*TASK DETAILS*
For each line of the data below that contains "IFCPRODUCTDEFINITIONSHAPE", return that line.

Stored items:
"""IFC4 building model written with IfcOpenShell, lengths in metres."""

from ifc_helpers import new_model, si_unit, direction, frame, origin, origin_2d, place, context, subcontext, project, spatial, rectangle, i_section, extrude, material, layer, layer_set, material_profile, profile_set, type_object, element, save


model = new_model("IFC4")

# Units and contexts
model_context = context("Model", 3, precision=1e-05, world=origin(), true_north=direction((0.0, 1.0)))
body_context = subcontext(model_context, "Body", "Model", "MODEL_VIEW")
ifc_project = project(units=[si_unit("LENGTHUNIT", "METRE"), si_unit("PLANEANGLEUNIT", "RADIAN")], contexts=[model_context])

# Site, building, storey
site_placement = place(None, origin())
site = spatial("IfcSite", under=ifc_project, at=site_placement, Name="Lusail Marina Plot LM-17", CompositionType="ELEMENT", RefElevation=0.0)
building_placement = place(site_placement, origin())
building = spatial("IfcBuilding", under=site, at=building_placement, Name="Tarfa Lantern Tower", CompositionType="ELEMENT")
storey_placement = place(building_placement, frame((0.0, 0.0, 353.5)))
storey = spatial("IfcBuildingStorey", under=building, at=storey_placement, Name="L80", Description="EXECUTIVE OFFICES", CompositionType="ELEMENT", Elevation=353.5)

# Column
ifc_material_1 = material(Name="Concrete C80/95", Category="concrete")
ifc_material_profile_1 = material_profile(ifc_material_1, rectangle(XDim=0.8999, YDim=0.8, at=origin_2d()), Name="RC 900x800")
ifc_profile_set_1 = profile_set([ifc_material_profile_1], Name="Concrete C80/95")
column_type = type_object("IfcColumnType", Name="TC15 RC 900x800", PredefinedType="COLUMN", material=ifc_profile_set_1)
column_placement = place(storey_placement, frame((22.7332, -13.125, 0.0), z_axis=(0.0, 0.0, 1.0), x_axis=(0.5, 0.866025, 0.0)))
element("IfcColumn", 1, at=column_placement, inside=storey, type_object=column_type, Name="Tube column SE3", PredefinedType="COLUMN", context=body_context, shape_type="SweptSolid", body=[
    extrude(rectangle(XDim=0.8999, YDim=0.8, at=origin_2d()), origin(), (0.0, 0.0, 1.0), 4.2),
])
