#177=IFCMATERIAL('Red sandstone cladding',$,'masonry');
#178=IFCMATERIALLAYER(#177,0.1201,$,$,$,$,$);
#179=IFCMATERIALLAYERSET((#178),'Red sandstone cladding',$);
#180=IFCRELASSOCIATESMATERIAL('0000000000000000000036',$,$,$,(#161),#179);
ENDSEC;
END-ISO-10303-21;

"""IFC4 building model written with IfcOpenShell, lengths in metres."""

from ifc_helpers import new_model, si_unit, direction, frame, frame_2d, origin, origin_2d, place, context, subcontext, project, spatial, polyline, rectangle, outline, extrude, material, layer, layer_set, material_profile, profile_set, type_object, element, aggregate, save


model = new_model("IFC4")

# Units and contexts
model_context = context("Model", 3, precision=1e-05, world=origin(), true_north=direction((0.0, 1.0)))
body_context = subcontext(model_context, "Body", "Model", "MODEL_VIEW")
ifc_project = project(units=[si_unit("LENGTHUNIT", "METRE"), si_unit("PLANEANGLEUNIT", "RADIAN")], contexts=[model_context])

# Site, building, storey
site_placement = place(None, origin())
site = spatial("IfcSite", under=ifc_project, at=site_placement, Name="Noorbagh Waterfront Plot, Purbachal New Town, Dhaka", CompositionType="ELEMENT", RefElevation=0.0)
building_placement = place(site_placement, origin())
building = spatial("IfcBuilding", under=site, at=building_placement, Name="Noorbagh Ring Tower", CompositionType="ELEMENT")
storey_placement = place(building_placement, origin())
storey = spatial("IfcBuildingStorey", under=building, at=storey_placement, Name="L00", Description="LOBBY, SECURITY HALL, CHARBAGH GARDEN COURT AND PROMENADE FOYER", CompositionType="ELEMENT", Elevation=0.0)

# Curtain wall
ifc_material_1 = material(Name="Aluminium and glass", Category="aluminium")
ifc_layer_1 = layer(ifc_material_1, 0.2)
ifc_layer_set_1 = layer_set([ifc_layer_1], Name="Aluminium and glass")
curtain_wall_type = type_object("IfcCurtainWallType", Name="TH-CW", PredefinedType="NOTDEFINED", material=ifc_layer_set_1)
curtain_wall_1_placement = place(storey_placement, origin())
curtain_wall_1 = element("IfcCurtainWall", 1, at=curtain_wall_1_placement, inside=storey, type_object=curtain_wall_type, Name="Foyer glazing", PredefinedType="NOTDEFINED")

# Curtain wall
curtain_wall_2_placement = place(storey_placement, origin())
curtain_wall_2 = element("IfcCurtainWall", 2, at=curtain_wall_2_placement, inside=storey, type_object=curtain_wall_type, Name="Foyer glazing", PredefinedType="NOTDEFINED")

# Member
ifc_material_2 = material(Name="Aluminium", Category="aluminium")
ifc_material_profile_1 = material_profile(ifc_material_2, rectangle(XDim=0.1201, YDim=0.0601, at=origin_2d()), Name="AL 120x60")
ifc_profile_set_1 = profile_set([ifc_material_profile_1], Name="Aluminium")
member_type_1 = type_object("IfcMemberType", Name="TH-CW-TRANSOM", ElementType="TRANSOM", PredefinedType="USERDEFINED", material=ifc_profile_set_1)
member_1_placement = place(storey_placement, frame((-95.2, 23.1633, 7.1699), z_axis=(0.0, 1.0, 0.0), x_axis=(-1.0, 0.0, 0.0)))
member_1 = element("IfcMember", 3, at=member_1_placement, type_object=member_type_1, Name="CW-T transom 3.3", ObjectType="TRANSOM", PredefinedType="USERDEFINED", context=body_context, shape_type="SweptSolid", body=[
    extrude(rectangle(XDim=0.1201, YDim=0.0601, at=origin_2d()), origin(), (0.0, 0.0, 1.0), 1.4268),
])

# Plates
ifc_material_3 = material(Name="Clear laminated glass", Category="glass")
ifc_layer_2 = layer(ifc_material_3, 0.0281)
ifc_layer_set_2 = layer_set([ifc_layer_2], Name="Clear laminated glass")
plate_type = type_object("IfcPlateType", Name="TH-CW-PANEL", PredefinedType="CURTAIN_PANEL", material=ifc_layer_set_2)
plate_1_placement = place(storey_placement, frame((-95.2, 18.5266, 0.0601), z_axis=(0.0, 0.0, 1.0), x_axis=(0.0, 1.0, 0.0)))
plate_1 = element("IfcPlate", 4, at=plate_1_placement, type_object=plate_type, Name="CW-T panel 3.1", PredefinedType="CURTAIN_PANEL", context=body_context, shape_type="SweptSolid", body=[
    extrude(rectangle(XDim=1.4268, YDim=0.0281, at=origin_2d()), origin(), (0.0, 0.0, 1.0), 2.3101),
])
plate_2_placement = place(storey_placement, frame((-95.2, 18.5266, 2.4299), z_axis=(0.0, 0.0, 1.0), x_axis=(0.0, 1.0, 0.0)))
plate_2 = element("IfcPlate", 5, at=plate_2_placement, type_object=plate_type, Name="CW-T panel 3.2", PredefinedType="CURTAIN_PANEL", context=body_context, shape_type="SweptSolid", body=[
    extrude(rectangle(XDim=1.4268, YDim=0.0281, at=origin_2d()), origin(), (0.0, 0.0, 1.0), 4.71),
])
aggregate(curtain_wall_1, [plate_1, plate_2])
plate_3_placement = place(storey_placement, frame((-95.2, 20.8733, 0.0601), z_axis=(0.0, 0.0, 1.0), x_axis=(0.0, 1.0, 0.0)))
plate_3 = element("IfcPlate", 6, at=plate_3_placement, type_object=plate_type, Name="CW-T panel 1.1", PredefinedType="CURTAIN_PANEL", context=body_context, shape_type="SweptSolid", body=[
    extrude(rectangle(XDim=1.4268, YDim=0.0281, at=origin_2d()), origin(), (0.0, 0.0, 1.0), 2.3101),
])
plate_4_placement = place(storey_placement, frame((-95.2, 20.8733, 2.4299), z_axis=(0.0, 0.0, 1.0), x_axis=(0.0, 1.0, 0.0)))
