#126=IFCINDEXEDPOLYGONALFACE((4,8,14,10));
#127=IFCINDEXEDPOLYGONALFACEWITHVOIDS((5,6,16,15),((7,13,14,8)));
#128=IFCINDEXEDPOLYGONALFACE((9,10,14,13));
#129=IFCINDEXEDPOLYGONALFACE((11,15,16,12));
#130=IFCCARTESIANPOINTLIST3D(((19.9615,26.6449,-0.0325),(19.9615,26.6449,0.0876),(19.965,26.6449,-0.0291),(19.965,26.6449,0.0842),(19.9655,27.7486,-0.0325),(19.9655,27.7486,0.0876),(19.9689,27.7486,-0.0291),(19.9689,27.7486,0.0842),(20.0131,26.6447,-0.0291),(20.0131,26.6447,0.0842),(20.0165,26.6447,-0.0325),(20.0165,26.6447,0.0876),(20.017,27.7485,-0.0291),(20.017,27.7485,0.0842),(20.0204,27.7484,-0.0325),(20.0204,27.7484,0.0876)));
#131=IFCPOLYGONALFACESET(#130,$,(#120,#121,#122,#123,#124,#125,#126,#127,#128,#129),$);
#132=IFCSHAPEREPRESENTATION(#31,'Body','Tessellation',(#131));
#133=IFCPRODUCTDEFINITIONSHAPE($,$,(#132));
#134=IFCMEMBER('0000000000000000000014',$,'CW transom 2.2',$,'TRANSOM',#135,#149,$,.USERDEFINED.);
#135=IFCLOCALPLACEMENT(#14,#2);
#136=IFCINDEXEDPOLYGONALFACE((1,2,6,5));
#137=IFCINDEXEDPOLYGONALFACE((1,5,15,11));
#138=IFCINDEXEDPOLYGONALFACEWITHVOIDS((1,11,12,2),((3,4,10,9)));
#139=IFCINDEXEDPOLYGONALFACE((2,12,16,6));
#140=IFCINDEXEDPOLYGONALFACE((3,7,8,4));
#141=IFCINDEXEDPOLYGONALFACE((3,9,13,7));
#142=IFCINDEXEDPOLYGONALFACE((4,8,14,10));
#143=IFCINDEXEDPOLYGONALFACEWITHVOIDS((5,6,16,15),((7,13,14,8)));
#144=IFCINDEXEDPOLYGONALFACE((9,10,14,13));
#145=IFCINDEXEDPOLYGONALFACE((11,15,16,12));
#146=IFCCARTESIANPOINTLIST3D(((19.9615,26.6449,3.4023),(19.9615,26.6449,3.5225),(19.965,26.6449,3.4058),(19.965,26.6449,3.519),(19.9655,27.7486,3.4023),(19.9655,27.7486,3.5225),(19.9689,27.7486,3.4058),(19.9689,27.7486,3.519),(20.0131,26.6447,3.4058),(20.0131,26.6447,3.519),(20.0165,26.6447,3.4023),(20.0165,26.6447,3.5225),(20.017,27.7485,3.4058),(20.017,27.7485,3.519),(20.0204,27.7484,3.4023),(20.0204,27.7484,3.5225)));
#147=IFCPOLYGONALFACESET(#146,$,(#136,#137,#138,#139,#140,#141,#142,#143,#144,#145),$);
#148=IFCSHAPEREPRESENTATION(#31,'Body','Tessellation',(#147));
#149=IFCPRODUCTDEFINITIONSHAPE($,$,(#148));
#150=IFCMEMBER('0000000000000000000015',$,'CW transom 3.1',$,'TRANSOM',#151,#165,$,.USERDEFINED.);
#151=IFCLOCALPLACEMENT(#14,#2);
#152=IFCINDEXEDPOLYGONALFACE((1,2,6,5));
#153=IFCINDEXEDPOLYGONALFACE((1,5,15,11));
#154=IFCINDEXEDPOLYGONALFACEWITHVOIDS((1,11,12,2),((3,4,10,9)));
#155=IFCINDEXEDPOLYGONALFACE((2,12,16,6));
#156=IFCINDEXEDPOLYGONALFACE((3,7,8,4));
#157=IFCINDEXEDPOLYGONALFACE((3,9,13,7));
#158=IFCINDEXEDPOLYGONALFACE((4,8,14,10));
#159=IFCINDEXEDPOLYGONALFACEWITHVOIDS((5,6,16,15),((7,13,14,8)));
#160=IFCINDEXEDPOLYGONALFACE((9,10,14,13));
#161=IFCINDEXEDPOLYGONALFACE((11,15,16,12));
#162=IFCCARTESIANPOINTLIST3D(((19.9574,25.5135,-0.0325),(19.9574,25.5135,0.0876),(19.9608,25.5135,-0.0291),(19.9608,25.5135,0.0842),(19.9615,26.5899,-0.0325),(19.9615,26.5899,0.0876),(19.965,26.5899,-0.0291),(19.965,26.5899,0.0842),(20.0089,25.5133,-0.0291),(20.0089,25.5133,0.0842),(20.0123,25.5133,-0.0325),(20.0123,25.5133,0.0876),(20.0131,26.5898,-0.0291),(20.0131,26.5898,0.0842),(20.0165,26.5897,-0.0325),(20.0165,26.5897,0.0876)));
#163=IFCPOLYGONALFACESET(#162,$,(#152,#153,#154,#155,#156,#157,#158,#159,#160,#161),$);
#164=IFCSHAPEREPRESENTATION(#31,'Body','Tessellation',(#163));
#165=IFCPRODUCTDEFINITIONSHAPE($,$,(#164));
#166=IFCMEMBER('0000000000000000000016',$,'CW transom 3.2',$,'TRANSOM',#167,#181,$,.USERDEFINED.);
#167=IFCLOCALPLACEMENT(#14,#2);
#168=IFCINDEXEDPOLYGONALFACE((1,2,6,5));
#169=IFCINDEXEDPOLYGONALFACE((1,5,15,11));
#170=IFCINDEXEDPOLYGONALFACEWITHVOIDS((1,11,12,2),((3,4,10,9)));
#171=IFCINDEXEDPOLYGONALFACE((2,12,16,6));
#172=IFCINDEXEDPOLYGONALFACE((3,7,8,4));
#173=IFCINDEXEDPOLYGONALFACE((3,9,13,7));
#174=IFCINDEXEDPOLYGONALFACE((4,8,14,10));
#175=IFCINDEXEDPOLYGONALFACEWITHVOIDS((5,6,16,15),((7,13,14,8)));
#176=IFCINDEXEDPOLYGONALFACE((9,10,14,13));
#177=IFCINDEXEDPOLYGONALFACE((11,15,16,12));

*RESPONSE TO THE EXERCISE*
#133=IFCPRODUCTDEFINITIONSHAPE($,$,(#132));
#149=IFCPRODUCTDEFINITIONSHAPE($,$,(#148));
#165=IFCPRODUCTDEFINITIONSHAPE($,$,(#164));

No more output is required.